» Input records
◇ ◇ ◇

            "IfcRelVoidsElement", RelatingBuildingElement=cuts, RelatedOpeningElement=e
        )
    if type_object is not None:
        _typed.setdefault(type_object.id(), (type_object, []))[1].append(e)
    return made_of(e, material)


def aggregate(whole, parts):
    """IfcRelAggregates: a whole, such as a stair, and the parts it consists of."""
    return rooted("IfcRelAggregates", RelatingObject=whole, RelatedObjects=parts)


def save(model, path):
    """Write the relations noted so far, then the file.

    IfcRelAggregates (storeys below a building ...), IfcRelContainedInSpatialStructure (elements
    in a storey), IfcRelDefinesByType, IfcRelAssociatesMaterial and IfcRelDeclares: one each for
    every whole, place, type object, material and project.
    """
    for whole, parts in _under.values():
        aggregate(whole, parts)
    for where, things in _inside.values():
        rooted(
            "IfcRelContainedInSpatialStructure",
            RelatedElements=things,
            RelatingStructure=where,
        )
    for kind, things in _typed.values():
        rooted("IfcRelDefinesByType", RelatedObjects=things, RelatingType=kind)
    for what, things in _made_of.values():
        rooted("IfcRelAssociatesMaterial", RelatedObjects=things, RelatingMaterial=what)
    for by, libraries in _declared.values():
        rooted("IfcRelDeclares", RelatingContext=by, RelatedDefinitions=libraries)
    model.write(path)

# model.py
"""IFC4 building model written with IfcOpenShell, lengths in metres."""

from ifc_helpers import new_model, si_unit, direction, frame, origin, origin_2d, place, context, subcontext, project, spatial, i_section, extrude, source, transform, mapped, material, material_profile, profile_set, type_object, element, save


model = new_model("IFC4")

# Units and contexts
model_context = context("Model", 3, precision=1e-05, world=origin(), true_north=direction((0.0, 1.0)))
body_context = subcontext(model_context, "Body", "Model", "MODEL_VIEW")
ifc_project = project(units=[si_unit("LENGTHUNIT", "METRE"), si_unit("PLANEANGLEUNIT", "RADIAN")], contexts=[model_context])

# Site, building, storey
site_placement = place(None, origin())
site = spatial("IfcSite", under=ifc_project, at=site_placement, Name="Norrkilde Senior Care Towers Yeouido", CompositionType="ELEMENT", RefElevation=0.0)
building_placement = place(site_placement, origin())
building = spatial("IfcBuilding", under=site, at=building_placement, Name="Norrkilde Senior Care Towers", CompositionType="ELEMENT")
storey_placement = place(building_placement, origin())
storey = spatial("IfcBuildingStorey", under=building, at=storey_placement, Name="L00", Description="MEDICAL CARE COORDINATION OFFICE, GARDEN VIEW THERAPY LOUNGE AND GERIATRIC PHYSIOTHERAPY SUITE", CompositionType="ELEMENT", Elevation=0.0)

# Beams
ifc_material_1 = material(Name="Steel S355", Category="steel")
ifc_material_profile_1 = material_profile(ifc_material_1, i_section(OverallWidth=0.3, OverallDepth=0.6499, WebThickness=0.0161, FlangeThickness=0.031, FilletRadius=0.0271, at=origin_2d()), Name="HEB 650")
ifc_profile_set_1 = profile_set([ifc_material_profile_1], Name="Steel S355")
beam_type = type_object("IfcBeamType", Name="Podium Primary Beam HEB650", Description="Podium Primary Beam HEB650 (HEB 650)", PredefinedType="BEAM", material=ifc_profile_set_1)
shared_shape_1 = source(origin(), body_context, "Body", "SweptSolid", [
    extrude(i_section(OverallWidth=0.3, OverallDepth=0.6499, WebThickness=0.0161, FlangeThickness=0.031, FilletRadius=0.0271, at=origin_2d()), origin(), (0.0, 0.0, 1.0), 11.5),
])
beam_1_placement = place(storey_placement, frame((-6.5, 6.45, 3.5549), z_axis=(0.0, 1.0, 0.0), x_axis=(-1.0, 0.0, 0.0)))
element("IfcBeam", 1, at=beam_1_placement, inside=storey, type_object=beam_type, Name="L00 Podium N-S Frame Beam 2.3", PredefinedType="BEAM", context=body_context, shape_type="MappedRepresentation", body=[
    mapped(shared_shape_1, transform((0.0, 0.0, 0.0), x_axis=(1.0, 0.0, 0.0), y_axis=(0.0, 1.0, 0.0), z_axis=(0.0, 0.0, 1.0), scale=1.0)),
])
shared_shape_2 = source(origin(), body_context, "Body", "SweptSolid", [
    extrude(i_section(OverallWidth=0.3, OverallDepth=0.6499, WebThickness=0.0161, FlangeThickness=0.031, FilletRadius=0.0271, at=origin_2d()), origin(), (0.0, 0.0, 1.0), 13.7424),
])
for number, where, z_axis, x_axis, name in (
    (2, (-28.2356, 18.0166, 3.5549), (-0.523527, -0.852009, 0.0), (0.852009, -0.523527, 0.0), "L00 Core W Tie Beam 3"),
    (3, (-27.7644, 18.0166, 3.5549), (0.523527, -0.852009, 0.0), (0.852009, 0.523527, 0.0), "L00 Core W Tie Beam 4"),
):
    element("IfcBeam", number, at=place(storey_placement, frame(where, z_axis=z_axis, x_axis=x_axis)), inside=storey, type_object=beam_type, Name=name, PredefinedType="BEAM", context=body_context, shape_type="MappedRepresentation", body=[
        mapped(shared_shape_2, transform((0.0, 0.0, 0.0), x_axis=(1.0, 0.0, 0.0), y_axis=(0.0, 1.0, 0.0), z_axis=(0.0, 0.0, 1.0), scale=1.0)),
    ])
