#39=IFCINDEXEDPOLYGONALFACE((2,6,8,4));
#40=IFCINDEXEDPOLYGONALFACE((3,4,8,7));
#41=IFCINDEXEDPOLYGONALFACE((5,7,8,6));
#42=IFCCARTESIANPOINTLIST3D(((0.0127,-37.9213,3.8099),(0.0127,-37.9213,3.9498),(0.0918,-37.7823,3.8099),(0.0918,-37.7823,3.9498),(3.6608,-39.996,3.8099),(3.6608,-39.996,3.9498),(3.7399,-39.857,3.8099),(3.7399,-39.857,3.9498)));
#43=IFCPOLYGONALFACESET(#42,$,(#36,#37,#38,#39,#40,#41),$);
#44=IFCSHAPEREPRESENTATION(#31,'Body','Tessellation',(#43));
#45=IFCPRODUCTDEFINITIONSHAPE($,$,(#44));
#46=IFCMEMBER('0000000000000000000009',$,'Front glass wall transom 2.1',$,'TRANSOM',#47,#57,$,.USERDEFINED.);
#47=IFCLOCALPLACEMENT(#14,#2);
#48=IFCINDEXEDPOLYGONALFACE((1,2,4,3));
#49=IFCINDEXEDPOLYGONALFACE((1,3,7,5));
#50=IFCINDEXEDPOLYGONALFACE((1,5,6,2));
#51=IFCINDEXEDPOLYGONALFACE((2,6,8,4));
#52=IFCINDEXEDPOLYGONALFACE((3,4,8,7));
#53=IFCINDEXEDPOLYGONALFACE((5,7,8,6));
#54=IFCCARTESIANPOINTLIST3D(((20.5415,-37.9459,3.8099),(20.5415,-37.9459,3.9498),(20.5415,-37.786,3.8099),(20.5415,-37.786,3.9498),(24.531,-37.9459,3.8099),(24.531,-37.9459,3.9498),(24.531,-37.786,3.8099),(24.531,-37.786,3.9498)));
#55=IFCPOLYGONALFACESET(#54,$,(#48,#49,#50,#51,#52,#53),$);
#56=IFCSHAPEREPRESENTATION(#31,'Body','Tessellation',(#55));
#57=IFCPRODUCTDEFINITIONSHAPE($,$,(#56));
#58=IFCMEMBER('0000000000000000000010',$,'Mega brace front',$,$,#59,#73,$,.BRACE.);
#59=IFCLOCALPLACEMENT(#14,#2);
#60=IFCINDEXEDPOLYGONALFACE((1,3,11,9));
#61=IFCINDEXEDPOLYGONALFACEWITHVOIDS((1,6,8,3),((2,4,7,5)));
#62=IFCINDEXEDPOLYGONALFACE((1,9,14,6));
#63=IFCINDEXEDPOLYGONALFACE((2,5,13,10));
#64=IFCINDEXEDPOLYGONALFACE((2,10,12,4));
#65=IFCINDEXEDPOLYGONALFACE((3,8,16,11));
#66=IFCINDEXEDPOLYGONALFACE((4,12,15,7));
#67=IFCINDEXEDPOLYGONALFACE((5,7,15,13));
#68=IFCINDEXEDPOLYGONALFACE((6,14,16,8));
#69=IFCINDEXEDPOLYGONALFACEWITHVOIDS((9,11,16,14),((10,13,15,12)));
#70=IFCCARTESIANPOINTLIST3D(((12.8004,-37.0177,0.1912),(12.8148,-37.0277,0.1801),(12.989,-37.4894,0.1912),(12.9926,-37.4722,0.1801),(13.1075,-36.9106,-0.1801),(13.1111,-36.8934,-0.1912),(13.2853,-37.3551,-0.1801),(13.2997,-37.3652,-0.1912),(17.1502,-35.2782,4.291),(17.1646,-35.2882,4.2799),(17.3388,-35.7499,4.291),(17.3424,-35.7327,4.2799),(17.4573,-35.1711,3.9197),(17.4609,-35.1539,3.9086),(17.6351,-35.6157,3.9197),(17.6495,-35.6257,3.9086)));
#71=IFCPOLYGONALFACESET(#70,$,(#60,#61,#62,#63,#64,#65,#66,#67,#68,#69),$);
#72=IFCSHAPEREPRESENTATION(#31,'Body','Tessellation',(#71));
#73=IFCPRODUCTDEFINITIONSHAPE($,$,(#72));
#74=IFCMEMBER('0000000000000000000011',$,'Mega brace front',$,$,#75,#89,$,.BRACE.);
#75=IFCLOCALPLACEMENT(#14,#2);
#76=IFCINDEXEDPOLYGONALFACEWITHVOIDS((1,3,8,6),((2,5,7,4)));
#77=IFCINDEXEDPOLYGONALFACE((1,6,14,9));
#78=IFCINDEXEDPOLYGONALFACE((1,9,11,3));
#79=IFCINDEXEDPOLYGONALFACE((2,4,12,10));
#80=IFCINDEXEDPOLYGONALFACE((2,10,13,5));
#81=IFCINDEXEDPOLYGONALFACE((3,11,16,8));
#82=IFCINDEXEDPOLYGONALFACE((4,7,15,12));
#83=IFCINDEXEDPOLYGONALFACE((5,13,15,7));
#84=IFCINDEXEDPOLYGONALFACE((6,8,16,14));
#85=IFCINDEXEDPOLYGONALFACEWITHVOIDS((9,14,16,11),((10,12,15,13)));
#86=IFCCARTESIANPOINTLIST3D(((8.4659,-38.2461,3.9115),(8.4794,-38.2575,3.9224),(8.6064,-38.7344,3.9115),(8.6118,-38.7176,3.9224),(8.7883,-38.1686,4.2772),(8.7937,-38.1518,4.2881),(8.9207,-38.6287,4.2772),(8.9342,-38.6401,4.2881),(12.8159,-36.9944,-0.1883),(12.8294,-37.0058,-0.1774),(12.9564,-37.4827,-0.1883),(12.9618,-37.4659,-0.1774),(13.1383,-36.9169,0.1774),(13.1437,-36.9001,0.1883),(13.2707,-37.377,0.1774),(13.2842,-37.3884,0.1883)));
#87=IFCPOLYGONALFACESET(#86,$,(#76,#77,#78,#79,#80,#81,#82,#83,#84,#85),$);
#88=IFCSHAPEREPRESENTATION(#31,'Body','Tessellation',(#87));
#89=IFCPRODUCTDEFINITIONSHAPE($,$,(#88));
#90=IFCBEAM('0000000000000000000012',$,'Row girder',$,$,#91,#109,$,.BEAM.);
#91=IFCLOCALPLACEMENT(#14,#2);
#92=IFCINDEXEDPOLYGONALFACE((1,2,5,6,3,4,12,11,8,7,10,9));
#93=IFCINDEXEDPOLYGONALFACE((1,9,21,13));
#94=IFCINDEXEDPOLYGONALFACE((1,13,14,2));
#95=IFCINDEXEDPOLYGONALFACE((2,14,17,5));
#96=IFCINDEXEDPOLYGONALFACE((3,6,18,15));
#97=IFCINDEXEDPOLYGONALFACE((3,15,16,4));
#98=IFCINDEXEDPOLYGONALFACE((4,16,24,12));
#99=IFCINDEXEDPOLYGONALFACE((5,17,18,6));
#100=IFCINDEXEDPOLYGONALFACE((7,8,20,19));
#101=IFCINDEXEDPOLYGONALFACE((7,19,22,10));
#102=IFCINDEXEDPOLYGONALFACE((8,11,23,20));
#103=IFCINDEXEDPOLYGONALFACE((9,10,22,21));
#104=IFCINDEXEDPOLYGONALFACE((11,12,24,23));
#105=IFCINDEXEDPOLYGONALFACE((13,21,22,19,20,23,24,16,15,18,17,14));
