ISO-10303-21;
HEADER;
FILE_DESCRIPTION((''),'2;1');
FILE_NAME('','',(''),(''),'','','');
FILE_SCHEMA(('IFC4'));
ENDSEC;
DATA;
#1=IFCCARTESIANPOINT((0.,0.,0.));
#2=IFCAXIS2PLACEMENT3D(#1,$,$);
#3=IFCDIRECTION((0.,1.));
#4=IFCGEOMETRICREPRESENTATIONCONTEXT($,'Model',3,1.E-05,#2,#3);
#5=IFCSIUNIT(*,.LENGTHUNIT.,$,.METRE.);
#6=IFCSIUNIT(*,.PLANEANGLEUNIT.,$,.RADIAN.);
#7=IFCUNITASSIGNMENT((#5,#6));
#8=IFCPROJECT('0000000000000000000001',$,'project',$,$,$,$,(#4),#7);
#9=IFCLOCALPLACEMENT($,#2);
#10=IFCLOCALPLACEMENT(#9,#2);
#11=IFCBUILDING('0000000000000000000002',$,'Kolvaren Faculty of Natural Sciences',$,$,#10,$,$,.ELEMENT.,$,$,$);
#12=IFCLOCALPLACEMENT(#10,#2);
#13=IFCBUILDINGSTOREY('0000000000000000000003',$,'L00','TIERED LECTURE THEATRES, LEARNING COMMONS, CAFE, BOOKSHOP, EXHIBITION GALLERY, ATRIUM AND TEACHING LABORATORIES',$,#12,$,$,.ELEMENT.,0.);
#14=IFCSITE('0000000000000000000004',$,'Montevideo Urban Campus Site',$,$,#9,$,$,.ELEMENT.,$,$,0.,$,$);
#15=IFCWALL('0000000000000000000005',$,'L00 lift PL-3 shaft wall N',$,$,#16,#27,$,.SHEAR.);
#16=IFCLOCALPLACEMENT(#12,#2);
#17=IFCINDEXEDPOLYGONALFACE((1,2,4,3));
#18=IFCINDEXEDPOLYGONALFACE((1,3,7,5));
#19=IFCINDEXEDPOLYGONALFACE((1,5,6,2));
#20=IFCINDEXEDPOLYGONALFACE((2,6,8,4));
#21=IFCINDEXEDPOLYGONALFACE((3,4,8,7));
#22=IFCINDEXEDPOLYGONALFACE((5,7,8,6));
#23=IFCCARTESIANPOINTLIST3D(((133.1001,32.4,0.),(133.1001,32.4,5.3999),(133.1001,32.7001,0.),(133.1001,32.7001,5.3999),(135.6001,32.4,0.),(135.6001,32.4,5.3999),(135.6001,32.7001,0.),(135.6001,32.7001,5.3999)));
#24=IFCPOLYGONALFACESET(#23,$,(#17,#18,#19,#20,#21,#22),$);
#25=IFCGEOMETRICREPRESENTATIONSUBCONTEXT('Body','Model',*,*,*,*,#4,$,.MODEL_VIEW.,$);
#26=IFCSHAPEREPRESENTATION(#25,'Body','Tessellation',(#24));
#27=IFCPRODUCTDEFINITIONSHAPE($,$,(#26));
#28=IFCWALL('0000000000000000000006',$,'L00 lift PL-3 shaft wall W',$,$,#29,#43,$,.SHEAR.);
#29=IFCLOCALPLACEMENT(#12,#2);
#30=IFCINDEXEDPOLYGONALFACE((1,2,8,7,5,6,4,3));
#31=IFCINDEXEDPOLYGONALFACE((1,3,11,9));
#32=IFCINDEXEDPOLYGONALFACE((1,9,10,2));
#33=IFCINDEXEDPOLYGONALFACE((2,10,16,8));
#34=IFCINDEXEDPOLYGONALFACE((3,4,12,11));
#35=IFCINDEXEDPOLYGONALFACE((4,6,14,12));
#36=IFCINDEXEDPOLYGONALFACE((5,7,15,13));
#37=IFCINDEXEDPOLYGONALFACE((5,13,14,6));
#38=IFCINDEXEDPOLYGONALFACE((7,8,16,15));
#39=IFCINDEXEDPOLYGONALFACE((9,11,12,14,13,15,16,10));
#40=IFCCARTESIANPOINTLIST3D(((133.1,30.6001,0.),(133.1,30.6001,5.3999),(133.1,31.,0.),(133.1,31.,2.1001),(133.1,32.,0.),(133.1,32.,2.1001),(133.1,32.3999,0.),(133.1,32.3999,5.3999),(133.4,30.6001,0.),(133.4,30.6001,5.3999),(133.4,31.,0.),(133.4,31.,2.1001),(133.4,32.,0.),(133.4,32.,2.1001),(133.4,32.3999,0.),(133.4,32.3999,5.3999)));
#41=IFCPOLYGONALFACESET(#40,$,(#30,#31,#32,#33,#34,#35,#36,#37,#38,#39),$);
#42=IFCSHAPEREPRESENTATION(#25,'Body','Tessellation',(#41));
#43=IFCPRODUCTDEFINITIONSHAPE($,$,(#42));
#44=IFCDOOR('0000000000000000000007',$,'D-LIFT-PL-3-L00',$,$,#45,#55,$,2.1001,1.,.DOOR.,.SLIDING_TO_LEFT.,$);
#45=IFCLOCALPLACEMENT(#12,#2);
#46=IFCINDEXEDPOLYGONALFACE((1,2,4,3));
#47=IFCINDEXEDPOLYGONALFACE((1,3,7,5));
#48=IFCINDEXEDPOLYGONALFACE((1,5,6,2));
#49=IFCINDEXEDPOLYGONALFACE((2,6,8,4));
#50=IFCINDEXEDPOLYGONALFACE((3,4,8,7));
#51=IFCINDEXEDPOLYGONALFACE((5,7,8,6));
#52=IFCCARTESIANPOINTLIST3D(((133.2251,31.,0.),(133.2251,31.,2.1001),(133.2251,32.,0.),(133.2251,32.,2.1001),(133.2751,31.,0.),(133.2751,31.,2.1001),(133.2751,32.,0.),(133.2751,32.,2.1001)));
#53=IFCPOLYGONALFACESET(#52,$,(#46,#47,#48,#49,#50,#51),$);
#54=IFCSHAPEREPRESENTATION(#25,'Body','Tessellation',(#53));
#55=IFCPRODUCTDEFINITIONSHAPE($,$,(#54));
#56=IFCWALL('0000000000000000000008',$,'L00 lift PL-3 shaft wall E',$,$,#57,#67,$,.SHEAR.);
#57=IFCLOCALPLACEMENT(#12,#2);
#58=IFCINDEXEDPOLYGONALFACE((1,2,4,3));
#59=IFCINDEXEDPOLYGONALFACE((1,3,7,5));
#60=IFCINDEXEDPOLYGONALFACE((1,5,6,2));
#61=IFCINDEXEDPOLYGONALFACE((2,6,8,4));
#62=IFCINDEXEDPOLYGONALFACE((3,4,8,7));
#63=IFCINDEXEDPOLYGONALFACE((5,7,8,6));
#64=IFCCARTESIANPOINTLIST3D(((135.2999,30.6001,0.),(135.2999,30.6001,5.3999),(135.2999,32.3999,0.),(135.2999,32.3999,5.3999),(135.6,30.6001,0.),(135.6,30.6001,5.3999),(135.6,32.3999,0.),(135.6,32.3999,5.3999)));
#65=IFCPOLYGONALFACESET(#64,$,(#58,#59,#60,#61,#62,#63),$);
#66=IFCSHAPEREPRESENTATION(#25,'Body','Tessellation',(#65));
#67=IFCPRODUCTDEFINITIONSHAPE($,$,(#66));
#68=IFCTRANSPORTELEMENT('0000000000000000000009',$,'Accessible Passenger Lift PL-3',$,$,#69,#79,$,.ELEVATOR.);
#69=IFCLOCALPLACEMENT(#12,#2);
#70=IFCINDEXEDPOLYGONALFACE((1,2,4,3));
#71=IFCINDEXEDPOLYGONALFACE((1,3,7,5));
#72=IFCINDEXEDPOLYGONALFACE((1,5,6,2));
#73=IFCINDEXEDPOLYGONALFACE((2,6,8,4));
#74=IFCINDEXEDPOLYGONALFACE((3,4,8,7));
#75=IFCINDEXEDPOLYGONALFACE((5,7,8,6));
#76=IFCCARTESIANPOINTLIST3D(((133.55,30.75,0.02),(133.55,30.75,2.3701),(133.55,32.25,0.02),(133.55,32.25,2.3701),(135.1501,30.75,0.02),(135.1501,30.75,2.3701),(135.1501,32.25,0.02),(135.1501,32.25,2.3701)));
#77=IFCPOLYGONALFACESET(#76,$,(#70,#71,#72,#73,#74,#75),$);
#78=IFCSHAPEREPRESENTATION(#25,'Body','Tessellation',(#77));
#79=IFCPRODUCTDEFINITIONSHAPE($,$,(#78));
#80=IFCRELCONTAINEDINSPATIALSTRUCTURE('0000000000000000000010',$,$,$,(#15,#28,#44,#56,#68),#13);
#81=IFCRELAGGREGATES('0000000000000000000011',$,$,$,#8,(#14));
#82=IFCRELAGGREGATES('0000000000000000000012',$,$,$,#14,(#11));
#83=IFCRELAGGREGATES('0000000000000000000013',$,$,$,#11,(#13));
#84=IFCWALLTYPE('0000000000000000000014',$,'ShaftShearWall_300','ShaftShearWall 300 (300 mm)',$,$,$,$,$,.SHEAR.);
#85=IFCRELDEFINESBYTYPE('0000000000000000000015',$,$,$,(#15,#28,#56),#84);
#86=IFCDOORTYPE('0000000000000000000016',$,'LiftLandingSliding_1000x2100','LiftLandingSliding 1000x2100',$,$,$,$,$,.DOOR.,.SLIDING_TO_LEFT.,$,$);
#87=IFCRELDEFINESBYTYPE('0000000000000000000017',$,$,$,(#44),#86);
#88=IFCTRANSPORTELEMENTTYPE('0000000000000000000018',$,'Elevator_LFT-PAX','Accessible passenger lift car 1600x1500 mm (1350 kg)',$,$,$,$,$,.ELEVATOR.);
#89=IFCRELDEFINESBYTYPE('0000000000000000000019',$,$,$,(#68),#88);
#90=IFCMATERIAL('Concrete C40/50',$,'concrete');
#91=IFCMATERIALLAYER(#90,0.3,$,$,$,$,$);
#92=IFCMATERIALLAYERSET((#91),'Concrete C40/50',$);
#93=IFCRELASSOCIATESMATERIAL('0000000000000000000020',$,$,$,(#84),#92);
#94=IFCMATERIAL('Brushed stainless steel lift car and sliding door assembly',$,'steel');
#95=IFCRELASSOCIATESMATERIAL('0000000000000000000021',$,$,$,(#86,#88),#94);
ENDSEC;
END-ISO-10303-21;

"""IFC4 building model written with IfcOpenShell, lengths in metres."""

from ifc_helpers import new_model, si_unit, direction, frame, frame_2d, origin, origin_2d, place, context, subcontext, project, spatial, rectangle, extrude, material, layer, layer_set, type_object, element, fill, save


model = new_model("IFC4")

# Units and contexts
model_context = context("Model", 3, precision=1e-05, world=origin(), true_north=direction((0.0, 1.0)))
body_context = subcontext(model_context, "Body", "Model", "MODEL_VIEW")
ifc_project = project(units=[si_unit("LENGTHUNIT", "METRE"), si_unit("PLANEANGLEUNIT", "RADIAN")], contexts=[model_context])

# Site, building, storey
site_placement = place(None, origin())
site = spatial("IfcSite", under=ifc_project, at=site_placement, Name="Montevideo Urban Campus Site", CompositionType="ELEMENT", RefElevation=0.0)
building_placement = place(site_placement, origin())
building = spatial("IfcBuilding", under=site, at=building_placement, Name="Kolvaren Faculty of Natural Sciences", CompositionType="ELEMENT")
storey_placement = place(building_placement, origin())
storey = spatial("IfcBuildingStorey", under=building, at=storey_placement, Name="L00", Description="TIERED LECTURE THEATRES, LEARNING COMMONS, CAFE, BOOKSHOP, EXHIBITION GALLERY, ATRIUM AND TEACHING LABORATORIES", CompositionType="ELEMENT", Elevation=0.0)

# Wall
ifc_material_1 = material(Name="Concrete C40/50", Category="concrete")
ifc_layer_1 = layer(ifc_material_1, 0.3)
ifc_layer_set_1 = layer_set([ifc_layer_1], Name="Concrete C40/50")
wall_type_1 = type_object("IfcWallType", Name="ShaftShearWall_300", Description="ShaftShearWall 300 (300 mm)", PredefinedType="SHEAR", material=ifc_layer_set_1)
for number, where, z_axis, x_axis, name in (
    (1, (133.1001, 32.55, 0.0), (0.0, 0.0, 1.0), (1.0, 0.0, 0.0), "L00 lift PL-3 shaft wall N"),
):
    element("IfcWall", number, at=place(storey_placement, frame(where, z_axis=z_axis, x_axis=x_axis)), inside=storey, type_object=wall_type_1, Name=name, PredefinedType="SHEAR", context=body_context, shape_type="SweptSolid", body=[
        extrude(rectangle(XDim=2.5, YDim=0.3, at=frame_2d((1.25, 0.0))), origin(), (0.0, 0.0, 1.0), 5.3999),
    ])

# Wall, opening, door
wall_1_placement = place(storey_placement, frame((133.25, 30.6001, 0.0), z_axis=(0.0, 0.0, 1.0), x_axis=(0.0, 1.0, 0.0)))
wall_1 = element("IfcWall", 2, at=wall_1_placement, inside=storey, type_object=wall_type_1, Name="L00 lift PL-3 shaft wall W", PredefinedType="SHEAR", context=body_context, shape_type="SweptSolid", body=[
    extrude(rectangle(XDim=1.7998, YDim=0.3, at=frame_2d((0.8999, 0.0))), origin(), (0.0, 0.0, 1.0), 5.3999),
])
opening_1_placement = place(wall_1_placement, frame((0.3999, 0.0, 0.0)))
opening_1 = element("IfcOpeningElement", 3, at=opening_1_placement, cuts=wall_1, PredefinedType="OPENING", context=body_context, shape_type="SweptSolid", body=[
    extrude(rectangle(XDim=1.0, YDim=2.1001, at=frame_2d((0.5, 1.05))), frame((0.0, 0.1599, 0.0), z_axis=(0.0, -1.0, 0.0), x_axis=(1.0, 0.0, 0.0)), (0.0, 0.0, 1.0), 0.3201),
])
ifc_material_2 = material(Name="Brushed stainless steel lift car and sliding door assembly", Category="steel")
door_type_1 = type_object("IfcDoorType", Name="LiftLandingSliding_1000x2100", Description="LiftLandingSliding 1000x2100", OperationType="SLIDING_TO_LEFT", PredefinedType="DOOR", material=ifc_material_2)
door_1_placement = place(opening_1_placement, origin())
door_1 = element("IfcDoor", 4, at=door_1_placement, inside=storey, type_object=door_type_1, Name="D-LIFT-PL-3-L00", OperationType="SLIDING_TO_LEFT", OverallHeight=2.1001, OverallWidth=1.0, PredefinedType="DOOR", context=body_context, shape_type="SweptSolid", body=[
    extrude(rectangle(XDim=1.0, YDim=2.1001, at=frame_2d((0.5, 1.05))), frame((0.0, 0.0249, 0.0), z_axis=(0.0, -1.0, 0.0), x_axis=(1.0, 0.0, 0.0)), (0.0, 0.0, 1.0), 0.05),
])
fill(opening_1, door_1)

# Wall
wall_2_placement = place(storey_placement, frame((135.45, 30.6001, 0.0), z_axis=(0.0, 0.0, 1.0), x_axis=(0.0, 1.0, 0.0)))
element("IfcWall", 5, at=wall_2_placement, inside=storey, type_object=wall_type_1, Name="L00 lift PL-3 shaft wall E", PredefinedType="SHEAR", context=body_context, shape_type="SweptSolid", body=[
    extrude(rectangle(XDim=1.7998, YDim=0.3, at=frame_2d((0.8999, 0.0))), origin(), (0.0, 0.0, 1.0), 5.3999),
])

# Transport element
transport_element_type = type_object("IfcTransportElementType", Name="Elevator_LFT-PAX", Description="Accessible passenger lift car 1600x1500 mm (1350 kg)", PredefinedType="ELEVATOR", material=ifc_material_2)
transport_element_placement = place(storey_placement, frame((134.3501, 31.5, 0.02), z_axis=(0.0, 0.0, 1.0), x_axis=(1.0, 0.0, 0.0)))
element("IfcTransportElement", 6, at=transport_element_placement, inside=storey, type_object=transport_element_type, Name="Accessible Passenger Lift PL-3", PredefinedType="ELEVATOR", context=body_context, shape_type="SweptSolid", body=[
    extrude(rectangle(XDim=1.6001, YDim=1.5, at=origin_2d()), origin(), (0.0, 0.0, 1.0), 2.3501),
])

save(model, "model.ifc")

◇ ◇ ◇

» Problem
Set down, word for word, each line from the top of the records above through the line with "IfcRelAggregates (storeys below".

» Result of the task
            "IfcRelVoidsElement", RelatingBuildingElement=cuts, RelatedOpeningElement=e
        )
    if type_object is not None:
        _typed.setdefault(type_object.id(), (type_object, []))[1].append(e)
    return made_of(e, material)


def aggregate(whole, parts):
    """IfcRelAggregates: a whole, such as a stair, and the parts it consists of."""
    return rooted("IfcRelAggregates", RelatingObject=whole, RelatedObjects=parts)


def save(model, path):
    """Write the relations noted so far, then the file.

    IfcRelAggregates (storeys below a building ...), IfcRelContainedInSpatialStructure (elements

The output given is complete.